▶ _Instructions to follow_
From the data, copy out every line in which the word "IFCINDEXEDPOLYGONALFACEWITHVOIDS" appears.

▶ _Data in this exercise_
<<<<

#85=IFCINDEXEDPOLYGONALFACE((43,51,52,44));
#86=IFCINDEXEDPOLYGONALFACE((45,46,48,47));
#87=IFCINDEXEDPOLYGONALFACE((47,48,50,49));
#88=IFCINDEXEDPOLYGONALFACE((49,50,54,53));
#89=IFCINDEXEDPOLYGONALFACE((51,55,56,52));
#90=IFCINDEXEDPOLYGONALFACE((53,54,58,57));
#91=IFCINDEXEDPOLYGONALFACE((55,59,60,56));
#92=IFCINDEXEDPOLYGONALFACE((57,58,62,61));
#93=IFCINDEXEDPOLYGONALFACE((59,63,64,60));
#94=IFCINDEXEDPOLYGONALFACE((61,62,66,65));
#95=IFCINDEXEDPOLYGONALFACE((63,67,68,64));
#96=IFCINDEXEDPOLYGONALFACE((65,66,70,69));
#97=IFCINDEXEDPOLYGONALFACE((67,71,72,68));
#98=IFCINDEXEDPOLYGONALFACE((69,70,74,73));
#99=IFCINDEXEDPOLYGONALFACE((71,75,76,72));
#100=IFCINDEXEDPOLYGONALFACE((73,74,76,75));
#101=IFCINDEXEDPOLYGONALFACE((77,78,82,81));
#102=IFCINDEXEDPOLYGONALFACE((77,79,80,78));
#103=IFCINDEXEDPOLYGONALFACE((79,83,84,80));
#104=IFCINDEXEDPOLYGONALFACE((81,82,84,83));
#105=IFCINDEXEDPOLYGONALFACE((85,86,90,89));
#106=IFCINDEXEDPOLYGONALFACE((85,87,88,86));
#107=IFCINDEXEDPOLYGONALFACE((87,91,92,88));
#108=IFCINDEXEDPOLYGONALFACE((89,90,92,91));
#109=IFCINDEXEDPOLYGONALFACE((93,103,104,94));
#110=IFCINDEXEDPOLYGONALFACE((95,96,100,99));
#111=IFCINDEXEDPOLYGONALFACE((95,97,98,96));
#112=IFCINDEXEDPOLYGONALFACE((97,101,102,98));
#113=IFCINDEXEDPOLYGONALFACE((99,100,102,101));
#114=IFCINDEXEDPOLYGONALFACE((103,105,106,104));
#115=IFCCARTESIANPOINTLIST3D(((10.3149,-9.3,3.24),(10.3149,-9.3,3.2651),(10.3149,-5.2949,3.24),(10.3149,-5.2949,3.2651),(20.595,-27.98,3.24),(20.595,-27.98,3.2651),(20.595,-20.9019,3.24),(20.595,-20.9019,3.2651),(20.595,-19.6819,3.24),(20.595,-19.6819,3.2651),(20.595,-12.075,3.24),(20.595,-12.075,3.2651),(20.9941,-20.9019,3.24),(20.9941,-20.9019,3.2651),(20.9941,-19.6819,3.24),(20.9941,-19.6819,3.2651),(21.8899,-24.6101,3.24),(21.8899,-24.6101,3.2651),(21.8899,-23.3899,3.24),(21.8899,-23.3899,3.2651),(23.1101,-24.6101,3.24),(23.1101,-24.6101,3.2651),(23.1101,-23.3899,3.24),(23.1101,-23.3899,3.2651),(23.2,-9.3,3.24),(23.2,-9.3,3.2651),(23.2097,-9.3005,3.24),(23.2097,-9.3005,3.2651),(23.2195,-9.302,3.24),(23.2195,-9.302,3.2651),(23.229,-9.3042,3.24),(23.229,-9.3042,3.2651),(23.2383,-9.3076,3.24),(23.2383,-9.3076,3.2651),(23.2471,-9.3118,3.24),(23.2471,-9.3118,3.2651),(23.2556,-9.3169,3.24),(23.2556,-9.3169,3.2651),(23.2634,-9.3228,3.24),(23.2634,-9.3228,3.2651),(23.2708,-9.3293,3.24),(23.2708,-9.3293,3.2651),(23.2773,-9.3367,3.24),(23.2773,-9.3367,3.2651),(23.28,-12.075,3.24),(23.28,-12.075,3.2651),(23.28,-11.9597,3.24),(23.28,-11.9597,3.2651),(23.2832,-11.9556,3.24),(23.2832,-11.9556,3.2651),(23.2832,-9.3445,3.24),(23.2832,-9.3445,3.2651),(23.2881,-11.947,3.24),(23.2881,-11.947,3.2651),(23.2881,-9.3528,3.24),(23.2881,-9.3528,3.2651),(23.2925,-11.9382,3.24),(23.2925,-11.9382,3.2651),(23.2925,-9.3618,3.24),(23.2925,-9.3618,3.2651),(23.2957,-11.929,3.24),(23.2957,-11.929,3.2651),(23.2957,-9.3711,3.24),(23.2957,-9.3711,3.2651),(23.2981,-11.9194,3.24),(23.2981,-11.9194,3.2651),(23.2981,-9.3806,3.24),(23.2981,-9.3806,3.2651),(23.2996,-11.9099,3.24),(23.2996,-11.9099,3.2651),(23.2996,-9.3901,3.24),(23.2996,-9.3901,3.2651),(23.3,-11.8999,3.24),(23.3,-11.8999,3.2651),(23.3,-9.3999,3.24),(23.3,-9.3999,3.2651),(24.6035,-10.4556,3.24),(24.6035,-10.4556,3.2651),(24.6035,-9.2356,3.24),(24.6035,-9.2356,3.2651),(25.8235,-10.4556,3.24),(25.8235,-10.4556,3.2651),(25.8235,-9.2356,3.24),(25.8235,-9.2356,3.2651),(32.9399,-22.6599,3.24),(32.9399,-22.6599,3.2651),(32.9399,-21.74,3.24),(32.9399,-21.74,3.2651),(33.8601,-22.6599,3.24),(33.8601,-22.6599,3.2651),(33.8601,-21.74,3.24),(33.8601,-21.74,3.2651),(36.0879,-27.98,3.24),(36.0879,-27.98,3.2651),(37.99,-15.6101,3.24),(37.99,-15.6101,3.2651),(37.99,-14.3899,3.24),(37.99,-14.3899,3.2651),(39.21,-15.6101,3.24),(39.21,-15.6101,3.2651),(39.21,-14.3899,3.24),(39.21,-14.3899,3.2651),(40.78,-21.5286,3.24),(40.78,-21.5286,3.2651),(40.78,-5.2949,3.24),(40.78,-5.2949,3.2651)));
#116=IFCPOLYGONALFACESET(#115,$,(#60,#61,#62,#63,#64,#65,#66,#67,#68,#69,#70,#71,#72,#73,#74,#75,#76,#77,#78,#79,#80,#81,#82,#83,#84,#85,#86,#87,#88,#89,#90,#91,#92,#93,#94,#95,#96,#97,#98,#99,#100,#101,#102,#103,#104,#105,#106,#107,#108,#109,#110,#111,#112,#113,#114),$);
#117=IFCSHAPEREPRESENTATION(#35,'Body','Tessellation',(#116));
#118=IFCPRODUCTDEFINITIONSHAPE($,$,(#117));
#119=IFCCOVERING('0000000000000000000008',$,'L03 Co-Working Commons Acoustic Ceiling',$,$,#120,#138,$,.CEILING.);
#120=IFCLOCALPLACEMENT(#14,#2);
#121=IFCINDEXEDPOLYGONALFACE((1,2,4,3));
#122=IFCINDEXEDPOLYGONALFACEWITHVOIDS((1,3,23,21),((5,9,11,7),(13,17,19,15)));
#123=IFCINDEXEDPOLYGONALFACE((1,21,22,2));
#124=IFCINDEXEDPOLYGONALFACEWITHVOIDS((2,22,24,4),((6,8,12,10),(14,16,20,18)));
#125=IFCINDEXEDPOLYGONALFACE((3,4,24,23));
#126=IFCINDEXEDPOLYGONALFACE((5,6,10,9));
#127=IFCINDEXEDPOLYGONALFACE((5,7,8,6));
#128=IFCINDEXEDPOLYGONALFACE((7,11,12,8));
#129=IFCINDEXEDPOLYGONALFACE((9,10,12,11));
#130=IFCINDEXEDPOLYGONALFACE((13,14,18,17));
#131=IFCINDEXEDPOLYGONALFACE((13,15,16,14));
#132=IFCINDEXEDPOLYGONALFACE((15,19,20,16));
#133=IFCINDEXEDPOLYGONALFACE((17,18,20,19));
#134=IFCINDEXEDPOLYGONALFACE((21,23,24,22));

>>>>

▶ _Reply_
#122=IFCINDEXEDPOLYGONALFACEWITHVOIDS((1,3,23,21),((5,9,11,7),(13,17,19,15)));
#124=IFCINDEXEDPOLYGONALFACEWITHVOIDS((2,22,24,4),((6,8,12,10),(14,16,20,18)));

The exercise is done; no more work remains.